◆ About this exercise:
Output a verbatim copy of the data, cut off after the line that contains "#24=IFCINDEXEDPOLYGONALFACE((5,7,8,6));".

◆ Record excerpts:
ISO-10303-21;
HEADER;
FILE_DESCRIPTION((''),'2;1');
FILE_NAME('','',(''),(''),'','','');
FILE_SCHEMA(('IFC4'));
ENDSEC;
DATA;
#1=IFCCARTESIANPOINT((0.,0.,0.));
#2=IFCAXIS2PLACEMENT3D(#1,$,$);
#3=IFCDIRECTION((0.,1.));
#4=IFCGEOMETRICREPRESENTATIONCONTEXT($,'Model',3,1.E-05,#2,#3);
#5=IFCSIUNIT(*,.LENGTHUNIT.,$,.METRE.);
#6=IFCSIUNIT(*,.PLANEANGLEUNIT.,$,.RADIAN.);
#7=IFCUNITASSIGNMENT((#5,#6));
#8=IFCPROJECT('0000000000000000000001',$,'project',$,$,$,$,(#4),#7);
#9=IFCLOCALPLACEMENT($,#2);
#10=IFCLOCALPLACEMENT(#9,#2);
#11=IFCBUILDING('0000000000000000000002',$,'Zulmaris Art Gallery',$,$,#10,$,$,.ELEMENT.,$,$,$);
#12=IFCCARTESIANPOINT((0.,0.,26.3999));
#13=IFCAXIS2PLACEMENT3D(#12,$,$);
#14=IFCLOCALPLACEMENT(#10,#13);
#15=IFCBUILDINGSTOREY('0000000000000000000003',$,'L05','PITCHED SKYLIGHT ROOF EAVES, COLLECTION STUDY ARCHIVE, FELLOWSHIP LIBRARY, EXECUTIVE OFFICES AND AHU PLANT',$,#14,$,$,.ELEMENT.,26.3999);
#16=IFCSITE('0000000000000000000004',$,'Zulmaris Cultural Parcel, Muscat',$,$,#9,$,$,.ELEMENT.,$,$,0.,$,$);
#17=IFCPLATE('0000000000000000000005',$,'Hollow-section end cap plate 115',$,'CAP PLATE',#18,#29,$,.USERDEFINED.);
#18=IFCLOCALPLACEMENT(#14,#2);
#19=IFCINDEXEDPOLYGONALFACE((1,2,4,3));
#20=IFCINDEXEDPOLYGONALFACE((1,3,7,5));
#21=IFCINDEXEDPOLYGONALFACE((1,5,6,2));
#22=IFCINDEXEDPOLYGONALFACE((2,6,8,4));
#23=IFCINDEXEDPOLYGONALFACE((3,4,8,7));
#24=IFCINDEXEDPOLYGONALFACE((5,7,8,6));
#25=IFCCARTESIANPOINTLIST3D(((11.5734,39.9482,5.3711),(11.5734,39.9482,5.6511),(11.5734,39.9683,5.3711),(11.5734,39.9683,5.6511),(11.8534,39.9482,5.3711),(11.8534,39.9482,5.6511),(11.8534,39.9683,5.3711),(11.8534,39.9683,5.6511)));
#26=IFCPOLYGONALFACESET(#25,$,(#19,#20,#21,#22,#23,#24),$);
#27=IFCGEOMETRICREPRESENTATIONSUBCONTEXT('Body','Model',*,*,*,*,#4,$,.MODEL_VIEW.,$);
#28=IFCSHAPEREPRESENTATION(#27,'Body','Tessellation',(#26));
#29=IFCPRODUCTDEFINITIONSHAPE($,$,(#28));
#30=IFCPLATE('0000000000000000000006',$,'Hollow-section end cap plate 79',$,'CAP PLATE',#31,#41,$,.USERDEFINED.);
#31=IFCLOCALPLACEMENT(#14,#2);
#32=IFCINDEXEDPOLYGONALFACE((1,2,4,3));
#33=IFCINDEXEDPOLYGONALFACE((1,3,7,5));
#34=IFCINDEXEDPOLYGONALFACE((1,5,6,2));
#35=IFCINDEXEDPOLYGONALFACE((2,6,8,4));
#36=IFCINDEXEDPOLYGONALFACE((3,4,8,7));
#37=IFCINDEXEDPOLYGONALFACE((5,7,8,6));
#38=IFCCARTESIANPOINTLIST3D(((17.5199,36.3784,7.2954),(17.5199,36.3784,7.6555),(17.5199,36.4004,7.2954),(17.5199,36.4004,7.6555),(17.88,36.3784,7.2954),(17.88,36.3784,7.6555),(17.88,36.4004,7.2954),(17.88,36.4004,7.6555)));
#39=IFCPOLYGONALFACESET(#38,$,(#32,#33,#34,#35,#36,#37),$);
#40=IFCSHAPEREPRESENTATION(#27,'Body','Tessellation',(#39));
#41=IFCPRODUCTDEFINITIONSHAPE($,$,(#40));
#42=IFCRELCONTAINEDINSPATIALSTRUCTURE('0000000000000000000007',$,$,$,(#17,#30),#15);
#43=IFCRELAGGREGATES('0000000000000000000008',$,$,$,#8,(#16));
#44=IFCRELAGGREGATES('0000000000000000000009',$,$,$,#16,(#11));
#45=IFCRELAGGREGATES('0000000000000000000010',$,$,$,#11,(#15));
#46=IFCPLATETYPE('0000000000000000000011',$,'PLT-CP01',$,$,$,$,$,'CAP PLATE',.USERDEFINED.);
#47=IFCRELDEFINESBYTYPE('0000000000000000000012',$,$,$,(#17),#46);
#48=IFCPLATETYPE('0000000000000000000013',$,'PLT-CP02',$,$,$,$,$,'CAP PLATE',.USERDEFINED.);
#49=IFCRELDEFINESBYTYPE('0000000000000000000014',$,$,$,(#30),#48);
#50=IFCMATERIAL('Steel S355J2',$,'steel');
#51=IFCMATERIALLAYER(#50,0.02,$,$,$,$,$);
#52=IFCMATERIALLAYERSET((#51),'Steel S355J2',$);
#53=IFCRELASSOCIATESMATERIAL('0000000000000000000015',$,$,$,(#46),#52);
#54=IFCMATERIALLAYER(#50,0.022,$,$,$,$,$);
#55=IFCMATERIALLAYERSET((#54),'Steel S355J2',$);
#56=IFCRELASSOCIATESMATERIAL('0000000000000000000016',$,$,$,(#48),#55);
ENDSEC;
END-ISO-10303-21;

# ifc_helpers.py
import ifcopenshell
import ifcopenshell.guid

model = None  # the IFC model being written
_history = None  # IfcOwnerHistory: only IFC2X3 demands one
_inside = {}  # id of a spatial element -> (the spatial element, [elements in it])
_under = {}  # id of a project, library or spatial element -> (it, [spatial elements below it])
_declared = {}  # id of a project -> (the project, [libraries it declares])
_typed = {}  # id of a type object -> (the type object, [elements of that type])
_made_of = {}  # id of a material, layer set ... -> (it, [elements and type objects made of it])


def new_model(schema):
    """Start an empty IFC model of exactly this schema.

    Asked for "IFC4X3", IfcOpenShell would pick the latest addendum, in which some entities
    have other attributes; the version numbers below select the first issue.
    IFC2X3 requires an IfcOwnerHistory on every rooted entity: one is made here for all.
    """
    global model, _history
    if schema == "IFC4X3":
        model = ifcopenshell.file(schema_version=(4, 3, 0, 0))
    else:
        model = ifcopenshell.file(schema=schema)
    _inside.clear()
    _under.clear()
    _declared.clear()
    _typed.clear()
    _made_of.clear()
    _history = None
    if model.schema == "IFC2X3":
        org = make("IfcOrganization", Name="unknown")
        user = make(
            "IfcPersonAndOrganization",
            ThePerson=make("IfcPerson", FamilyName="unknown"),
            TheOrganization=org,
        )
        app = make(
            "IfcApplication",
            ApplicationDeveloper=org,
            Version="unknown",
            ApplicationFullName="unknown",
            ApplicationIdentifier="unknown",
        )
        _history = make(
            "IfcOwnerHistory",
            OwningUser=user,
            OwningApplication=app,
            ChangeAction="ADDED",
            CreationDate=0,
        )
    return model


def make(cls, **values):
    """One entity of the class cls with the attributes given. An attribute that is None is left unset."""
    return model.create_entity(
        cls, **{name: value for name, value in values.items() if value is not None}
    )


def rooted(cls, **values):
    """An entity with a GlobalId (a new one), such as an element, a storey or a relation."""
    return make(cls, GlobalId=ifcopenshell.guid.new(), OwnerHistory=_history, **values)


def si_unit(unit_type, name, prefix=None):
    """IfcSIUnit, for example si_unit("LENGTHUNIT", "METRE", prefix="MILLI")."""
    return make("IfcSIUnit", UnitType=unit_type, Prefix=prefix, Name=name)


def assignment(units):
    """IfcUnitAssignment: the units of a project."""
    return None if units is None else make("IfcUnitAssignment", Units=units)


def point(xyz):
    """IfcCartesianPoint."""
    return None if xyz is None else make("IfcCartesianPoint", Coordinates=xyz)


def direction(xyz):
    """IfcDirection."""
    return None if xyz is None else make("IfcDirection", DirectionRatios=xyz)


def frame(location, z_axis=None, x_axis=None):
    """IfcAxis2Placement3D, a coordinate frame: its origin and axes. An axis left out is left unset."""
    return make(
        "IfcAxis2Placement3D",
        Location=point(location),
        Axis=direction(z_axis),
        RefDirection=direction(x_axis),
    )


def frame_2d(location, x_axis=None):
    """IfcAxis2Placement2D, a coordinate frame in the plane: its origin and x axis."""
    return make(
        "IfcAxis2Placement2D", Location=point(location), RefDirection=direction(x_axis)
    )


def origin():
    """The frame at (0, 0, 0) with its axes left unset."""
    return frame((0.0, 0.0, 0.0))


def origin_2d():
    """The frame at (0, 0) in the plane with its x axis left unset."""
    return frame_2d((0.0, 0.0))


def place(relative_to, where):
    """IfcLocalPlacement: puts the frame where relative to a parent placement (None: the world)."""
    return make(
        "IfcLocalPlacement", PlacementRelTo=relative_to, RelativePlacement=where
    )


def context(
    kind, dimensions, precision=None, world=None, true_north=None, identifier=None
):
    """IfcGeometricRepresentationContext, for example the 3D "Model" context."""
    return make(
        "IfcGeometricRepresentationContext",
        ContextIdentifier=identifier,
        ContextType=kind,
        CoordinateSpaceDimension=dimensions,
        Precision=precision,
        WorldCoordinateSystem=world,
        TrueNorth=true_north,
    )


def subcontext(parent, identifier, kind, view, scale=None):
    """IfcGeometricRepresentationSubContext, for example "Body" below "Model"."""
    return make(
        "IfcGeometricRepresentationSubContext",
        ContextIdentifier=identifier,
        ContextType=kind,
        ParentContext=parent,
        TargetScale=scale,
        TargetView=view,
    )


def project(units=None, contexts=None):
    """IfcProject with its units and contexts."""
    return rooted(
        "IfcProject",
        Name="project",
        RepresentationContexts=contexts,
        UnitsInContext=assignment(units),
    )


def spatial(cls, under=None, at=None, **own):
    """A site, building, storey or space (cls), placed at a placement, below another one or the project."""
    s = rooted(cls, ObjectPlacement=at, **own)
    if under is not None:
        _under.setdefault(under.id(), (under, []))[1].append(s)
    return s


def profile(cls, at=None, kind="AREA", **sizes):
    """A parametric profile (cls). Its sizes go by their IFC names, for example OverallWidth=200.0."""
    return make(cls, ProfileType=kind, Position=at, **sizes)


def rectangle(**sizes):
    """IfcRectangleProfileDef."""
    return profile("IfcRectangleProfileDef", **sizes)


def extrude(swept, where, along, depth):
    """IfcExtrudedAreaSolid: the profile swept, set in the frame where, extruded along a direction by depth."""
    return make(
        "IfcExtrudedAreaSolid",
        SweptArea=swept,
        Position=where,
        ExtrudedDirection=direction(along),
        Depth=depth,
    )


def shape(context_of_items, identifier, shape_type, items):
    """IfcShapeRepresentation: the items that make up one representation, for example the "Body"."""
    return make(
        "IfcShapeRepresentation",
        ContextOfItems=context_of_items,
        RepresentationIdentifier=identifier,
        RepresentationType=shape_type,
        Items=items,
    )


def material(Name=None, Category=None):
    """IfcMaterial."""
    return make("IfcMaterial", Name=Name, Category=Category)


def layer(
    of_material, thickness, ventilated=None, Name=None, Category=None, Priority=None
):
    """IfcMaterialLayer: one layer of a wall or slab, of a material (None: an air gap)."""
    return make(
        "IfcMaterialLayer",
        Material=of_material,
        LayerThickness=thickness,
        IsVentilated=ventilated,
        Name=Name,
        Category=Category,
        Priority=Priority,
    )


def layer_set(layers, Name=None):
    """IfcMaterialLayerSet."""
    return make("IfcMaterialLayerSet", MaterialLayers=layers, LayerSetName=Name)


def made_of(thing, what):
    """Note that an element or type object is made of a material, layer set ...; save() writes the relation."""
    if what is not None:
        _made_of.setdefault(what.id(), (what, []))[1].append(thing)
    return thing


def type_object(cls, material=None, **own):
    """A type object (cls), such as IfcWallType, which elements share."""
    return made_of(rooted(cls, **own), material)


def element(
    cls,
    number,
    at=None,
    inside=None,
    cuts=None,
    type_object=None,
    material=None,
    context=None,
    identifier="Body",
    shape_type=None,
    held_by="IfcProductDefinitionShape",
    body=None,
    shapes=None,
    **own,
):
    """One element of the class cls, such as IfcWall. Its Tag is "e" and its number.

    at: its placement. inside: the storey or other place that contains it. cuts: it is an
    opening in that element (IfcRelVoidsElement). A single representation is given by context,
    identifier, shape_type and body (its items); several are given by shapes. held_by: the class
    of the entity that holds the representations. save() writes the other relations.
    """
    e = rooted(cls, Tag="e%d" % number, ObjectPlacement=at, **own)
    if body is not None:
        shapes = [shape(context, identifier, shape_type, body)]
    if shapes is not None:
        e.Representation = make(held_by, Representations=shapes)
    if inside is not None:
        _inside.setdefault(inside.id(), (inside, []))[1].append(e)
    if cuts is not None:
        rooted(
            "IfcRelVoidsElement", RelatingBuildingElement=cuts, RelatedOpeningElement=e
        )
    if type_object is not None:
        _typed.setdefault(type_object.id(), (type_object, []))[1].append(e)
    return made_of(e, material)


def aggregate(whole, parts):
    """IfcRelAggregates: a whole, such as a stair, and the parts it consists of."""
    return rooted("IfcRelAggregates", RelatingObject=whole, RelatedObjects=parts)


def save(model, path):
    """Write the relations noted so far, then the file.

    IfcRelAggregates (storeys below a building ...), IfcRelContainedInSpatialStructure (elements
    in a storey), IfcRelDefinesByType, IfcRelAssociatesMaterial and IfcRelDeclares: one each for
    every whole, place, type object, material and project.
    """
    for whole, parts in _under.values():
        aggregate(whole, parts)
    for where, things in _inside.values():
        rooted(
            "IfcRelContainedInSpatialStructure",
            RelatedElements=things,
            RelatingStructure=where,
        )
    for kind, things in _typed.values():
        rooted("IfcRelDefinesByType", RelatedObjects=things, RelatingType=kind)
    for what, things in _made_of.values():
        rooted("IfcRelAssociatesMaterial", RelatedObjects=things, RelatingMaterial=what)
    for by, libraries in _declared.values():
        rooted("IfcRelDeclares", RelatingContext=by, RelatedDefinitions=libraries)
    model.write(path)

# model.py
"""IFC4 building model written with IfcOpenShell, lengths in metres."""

from ifc_helpers import new_model, si_unit, direction, frame, origin, origin_2d, place, context, subcontext, project, spatial, rectangle, extrude, material, layer, layer_set, type_object, element, save


model = new_model("IFC4")

# Units and contexts
model_context = context("Model", 3, precision=1e-05, world=origin(), true_north=direction((0.0, 1.0)))
body_context = subcontext(model_context, "Body", "Model", "MODEL_VIEW")
ifc_project = project(units=[si_unit("LENGTHUNIT", "METRE"), si_unit("PLANEANGLEUNIT", "RADIAN")], contexts=[model_context])

# Site, building, storey
site_placement = place(None, origin())
site = spatial("IfcSite", under=ifc_project, at=site_placement, Name="Zulmaris Cultural Parcel, Muscat", CompositionType="ELEMENT", RefElevation=0.0)
building_placement = place(site_placement, origin())
building = spatial("IfcBuilding", under=site, at=building_placement, Name="Zulmaris Art Gallery", CompositionType="ELEMENT")
storey_placement = place(building_placement, frame((0.0, 0.0, 26.3999)))
storey = spatial("IfcBuildingStorey", under=building, at=storey_placement, Name="L05", Description="PITCHED SKYLIGHT ROOF EAVES, COLLECTION STUDY ARCHIVE, FELLOWSHIP LIBRARY, EXECUTIVE OFFICES AND AHU PLANT", CompositionType="ELEMENT", Elevation=26.3999)

# Plates
ifc_material_1 = material(Name="Steel S355J2", Category="steel")
ifc_layer_1 = layer(ifc_material_1, 0.02)
ifc_layer_set_1 = layer_set([ifc_layer_1], Name="Steel S355J2")
plate_type_1 = type_object("IfcPlateType", Name="PLT-CP01", ElementType="CAP PLATE", PredefinedType="USERDEFINED", material=ifc_layer_set_1)
for number, where, z_axis, x_axis, name in (
    (1, (11.7134, 39.9583, 5.3711), (0.0, 0.0, 1.0), (1.0, 0.0, 0.0), "Hollow-section end cap plate 115"),
):
    element("IfcPlate", number, at=place(storey_placement, frame(where, z_axis=z_axis, x_axis=x_axis)), inside=storey, type_object=plate_type_1, Name=name, ObjectType="CAP PLATE", PredefinedType="USERDEFINED", context=body_context, shape_type="SweptSolid", body=[
        extrude(rectangle(XDim=0.28, YDim=0.02, at=origin_2d()), origin(), (0.0, 0.0, 1.0), 0.28),
    ])
ifc_layer_2 = layer(ifc_material_1, 0.022)
ifc_layer_set_2 = layer_set([ifc_layer_2], Name="Steel S355J2")
plate_type_2 = type_object("IfcPlateType", Name="PLT-CP02", ElementType="CAP PLATE", PredefinedType="USERDEFINED", material=ifc_layer_set_2)
plate_1_placement = place(storey_placement, frame((17.7, 36.3894, 7.2954), z_axis=(0.0, 0.0, 1.0), x_axis=(1.0, 0.0, 0.0)))
element("IfcPlate", 2, at=plate_1_placement, inside=storey, type_object=plate_type_2, Name="Hollow-section end cap plate 79", ObjectType="CAP PLATE", PredefinedType="USERDEFINED", context=body_context, shape_type="SweptSolid", body=[
    extrude(rectangle(XDim=0.3601, YDim=0.022, at=origin_2d()), origin(), (0.0, 0.0, 1.0), 0.3601),
])

save(model, "model.ifc")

◆ Answer box:
ISO-10303-21;
HEADER;
FILE_DESCRIPTION((''),'2;1');
FILE_NAME('','',(''),(''),'','','');
FILE_SCHEMA(('IFC4'));
ENDSEC;
DATA;
#1=IFCCARTESIANPOINT((0.,0.,0.));
#2=IFCAXIS2PLACEMENT3D(#1,$,$);
#3=IFCDIRECTION((0.,1.));
#4=IFCGEOMETRICREPRESENTATIONCONTEXT($,'Model',3,1.E-05,#2,#3);
#5=IFCSIUNIT(*,.LENGTHUNIT.,$,.METRE.);
#6=IFCSIUNIT(*,.PLANEANGLEUNIT.,$,.RADIAN.);
#7=IFCUNITASSIGNMENT((#5,#6));
#8=IFCPROJECT('0000000000000000000001',$,'project',$,$,$,$,(#4),#7);
#9=IFCLOCALPLACEMENT($,#2);
#10=IFCLOCALPLACEMENT(#9,#2);
#11=IFCBUILDING('0000000000000000000002',$,'Zulmaris Art Gallery',$,$,#10,$,$,.ELEMENT.,$,$,$);
#12=IFCCARTESIANPOINT((0.,0.,26.3999));
#13=IFCAXIS2PLACEMENT3D(#12,$,$);
#14=IFCLOCALPLACEMENT(#10,#13);
#15=IFCBUILDINGSTOREY('0000000000000000000003',$,'L05','PITCHED SKYLIGHT ROOF EAVES, COLLECTION STUDY ARCHIVE, FELLOWSHIP LIBRARY, EXECUTIVE OFFICES AND AHU PLANT',$,#14,$,$,.ELEMENT.,26.3999);
#16=IFCSITE('0000000000000000000004',$,'Zulmaris Cultural Parcel, Muscat',$,$,#9,$,$,.ELEMENT.,$,$,0.,$,$);
#17=IFCPLATE('0000000000000000000005',$,'Hollow-section end cap plate 115',$,'CAP PLATE',#18,#29,$,.USERDEFINED.);
#18=IFCLOCALPLACEMENT(#14,#2);
#19=IFCINDEXEDPOLYGONALFACE((1,2,4,3));
#20=IFCINDEXEDPOLYGONALFACE((1,3,7,5));
#21=IFCINDEXEDPOLYGONALFACE((1,5,6,2));
#22=IFCINDEXEDPOLYGONALFACE((2,6,8,4));
#23=IFCINDEXEDPOLYGONALFACE((3,4,8,7));
#24=IFCINDEXEDPOLYGONALFACE((5,7,8,6));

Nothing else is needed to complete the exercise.